Provided material
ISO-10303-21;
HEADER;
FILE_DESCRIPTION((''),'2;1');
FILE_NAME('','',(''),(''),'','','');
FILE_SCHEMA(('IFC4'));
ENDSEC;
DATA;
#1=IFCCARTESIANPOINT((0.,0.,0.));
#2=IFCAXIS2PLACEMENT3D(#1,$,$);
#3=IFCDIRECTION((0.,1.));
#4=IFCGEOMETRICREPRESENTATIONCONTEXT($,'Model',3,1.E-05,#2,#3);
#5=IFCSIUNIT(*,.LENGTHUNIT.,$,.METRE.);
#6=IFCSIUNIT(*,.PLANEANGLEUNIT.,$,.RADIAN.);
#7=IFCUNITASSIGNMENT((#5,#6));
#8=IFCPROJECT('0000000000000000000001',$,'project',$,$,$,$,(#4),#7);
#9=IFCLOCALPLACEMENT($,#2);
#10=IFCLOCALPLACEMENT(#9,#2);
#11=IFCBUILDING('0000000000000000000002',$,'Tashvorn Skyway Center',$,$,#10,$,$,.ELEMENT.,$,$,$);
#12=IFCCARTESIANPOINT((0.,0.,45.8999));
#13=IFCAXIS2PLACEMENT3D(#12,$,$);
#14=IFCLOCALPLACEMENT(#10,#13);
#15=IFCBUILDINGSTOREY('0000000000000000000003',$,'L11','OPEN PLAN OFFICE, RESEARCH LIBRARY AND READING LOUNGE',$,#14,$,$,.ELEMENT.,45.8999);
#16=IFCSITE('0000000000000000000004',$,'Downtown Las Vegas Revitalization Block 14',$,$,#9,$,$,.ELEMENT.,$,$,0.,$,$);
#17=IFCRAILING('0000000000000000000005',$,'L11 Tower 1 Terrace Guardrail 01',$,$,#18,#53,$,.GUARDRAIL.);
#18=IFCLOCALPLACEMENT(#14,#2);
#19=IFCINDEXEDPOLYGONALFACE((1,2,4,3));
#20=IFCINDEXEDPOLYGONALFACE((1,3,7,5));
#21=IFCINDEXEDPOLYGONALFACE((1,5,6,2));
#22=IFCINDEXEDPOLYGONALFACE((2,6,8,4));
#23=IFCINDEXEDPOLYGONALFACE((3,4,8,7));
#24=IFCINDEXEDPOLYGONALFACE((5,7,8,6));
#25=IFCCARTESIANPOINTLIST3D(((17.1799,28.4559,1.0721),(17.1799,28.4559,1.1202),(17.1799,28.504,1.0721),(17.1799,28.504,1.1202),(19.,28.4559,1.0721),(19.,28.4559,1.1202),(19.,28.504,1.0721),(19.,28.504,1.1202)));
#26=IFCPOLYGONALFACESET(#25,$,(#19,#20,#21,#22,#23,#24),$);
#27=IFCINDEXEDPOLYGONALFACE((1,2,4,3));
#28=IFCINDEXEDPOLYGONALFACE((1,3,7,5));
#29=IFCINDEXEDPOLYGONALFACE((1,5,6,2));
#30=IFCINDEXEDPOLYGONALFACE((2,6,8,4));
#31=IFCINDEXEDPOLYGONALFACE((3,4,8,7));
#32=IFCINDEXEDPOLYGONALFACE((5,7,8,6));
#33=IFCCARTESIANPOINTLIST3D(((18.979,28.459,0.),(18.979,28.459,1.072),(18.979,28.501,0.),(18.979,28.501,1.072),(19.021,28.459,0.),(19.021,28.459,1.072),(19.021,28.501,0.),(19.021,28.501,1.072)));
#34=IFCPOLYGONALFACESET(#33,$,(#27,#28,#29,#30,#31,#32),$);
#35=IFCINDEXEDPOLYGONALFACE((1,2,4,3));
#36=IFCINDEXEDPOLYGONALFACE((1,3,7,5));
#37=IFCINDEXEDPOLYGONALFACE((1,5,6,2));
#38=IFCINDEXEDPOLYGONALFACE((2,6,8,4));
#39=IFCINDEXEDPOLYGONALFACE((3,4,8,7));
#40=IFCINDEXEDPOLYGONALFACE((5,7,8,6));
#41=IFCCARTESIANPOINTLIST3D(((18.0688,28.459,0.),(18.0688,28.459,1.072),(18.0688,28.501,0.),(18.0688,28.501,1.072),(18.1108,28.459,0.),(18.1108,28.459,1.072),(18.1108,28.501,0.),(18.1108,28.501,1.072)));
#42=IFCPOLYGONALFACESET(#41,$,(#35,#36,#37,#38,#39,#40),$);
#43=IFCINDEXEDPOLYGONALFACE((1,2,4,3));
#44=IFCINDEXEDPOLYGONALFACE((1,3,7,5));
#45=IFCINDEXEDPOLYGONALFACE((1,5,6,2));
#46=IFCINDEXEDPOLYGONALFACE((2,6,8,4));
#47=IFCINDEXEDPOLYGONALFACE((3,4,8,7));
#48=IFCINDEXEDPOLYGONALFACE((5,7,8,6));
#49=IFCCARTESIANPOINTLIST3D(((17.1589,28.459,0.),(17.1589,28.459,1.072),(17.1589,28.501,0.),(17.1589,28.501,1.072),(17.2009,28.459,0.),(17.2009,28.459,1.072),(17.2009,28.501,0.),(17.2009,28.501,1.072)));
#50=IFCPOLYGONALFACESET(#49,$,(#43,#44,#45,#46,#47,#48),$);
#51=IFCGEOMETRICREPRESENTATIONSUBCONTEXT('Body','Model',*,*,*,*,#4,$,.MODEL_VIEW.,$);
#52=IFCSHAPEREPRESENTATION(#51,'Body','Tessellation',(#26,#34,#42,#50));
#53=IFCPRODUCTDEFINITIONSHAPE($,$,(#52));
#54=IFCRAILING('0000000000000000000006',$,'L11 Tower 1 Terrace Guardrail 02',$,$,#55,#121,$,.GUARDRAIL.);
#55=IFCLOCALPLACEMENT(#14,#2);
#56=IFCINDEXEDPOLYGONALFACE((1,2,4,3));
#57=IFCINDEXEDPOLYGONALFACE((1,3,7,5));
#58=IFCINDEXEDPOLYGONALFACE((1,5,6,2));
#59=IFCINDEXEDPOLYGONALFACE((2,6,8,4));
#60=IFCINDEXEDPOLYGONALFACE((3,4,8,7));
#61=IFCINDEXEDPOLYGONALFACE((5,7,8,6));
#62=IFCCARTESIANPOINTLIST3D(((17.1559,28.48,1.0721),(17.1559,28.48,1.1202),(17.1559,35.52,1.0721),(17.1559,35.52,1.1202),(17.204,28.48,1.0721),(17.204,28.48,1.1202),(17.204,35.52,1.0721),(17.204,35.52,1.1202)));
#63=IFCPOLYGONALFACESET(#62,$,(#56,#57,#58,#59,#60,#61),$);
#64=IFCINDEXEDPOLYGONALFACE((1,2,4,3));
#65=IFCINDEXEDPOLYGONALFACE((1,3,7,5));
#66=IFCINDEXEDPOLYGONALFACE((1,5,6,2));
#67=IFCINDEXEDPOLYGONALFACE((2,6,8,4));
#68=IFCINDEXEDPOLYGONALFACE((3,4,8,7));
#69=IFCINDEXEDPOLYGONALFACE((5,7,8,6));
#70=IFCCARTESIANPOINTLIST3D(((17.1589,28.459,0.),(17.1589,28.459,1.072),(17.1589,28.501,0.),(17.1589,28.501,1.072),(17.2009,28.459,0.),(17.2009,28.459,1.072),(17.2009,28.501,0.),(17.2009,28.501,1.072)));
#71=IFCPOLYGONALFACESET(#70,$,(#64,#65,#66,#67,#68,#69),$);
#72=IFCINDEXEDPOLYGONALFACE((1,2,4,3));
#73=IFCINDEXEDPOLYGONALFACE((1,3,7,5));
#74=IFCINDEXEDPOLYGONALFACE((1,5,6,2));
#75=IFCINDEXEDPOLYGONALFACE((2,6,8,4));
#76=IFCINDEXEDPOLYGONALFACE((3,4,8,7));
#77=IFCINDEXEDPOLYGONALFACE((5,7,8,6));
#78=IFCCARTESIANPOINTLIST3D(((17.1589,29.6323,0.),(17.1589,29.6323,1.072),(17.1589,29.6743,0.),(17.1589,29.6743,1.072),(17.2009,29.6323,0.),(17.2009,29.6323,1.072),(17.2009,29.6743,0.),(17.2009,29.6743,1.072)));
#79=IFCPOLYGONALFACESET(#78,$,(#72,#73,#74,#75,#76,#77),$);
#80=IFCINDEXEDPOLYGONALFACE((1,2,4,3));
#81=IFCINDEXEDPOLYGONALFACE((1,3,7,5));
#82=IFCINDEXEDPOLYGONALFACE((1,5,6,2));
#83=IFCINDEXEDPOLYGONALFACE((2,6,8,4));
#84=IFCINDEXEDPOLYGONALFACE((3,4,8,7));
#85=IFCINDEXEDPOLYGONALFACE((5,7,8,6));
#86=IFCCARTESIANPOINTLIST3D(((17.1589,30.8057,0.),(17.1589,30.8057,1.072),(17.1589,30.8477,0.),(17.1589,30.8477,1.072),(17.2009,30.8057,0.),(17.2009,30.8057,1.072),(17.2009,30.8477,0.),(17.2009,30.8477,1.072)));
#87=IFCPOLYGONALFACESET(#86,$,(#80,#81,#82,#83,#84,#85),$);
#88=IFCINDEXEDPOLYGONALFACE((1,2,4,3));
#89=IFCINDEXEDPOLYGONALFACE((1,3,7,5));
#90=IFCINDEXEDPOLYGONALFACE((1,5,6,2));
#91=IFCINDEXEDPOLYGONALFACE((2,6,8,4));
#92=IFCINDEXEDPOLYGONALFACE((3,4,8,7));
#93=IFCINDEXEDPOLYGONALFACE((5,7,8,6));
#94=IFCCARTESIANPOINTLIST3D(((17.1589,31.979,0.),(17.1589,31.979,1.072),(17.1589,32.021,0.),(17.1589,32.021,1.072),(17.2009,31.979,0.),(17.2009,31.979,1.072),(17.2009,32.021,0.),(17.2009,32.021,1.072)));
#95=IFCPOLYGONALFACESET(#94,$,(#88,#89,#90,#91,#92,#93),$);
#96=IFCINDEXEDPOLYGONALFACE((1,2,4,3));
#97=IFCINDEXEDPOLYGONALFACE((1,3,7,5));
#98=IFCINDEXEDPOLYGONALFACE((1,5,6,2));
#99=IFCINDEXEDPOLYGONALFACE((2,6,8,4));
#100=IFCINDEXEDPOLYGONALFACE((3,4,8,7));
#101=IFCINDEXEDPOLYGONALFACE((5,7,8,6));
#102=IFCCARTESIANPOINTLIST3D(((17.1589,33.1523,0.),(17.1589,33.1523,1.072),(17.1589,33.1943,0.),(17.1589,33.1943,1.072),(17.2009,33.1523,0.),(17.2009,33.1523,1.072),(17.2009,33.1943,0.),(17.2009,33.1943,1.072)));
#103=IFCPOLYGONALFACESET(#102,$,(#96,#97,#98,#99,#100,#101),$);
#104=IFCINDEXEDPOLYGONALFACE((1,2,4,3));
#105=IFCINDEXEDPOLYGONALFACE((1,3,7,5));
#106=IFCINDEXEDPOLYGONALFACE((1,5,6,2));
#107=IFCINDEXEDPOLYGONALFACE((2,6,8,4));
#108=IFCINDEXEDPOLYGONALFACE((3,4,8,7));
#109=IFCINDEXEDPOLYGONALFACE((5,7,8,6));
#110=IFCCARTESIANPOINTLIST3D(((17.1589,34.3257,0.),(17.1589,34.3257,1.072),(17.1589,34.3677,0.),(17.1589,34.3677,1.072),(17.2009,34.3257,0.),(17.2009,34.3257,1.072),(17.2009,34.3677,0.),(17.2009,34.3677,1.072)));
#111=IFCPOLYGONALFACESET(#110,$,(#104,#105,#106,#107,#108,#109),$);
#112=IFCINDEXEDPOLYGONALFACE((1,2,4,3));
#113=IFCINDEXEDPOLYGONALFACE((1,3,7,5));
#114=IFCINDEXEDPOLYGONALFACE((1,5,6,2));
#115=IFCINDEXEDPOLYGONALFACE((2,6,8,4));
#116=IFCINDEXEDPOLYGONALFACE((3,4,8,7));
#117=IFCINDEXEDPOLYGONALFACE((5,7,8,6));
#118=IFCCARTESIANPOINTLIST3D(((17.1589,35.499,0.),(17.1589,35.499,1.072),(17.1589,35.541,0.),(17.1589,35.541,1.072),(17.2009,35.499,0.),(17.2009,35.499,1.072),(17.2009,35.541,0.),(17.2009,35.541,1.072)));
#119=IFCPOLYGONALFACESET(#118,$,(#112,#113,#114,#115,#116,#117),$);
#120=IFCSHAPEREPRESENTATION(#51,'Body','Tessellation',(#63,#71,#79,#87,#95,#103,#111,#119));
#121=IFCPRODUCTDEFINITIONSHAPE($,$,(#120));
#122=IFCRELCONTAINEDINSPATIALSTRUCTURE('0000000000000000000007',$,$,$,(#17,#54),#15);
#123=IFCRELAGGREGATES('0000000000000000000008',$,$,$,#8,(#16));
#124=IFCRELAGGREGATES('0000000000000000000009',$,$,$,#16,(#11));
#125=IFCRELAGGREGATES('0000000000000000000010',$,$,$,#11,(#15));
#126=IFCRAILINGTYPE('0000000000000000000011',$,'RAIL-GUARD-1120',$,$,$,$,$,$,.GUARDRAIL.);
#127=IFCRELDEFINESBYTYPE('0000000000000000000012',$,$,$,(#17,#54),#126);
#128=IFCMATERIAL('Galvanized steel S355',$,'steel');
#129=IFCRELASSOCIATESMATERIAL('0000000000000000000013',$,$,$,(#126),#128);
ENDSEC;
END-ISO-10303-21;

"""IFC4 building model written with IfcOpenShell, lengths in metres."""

from ifc_helpers import new_model, si_unit, direction, frame, origin, origin_2d, place, context, subcontext, project, spatial, rectangle, extrude, material, type_object, element, save


model = new_model("IFC4")

# Units and contexts
model_context = context("Model", 3, precision=1e-05, world=origin(), true_north=direction((0.0, 1.0)))
body_context = subcontext(model_context, "Body", "Model", "MODEL_VIEW")
ifc_project = project(units=[si_unit("LENGTHUNIT", "METRE"), si_unit("PLANEANGLEUNIT", "RADIAN")], contexts=[model_context])

# Site, building, storey
site_placement = place(None, origin())
site = spatial("IfcSite", under=ifc_project, at=site_placement, Name="Downtown Las Vegas Revitalization Block 14", CompositionType="ELEMENT", RefElevation=0.0)
building_placement = place(site_placement, origin())
building = spatial("IfcBuilding", under=site, at=building_placement, Name="Tashvorn Skyway Center", CompositionType="ELEMENT")
storey_placement = place(building_placement, frame((0.0, 0.0, 45.8999)))
storey = spatial("IfcBuildingStorey", under=building, at=storey_placement, Name="L11", Description="OPEN PLAN OFFICE, RESEARCH LIBRARY AND READING LOUNGE", CompositionType="ELEMENT", Elevation=45.8999)

# Railings
ifc_material_1 = material(Name="Galvanized steel S355", Category="steel")
railing_type = type_object("IfcRailingType", Name="RAIL-GUARD-1120", PredefinedType="GUARDRAIL", material=ifc_material_1)
railing_1_placement = place(storey_placement, frame((19.0, 28.48, 0.0)))
element("IfcRailing", 1, at=railing_1_placement, inside=storey, type_object=railing_type, Name="L11 Tower 1 Terrace Guardrail 01", PredefinedType="GUARDRAIL", context=body_context, shape_type="SweptSolid", body=[
    extrude(rectangle(XDim=0.0481, YDim=0.0481, at=origin_2d()), frame((0.0, 0.0, 1.0962), z_axis=(-1.0, 0.0, 0.0), x_axis=(0.0, -1.0, 0.0)), (0.0, 0.0, 1.0), 1.8201),
    extrude(rectangle(XDim=0.042, YDim=0.042, at=origin_2d()), origin(), (0.0, 0.0, 1.0), 1.072),
    extrude(rectangle(XDim=0.042, YDim=0.042, at=origin_2d()), frame((-0.9102, 0.0, 0.0)), (0.0, 0.0, 1.0), 1.072),
    extrude(rectangle(XDim=0.042, YDim=0.042, at=origin_2d()), frame((-1.8201, 0.0, 0.0)), (0.0, 0.0, 1.0), 1.072),
])
railing_2_placement = place(storey_placement, frame((17.1799, 28.48, 0.0)))
element("IfcRailing", 2, at=railing_2_placement, inside=storey, type_object=railing_type, Name="L11 Tower 1 Terrace Guardrail 02", PredefinedType="GUARDRAIL", context=body_context, shape_type="SweptSolid", body=[
    extrude(rectangle(XDim=0.0481, YDim=0.0481, at=origin_2d()), frame((0.0, 0.0, 1.0962), z_axis=(0.0, 1.0, 0.0), x_axis=(-1.0, 0.0, 0.0)), (0.0, 0.0, 1.0), 7.04),
    extrude(rectangle(XDim=0.042, YDim=0.042, at=origin_2d()), origin(), (0.0, 0.0, 1.0), 1.072),
    extrude(rectangle(XDim=0.042, YDim=0.042, at=origin_2d()), frame((0.0, 1.1733, 0.0)), (0.0, 0.0, 1.0), 1.072),
    extrude(rectangle(XDim=0.042, YDim=0.042, at=origin_2d()), frame((0.0, 2.3467, 0.0)), (0.0, 0.0, 1.0), 1.072),
    extrude(rectangle(XDim=0.042, YDim=0.042, at=origin_2d()), frame((0.0, 3.52, 0.0)), (0.0, 0.0, 1.0), 1.072),
    extrude(rectangle(XDim=0.042, YDim=0.042, at=origin_2d()), frame((0.0, 4.6934, 0.0)), (0.0, 0.0, 1.0), 1.072),
    extrude(rectangle(XDim=0.042, YDim=0.042, at=origin_2d()), frame((0.0, 5.8667, 0.0)), (0.0, 0.0, 1.0), 1.072),
    extrude(rectangle(XDim=0.042, YDim=0.042, at=origin_2d()), frame((0.0, 7.04, 0.0)), (0.0, 0.0, 1.0), 1.072),
])

save(model, "model.ifc")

The task
From the entries above, copy out every line where the string "IFCLOCALPLACEMENT" appears.

Task solution
#9=IFCLOCALPLACEMENT($,#2);
#10=IFCLOCALPLACEMENT(#9,#2);
#14=IFCLOCALPLACEMENT(#10,#13);
#18=IFCLOCALPLACEMENT(#14,#2);
#55=IFCLOCALPLACEMENT(#14,#2);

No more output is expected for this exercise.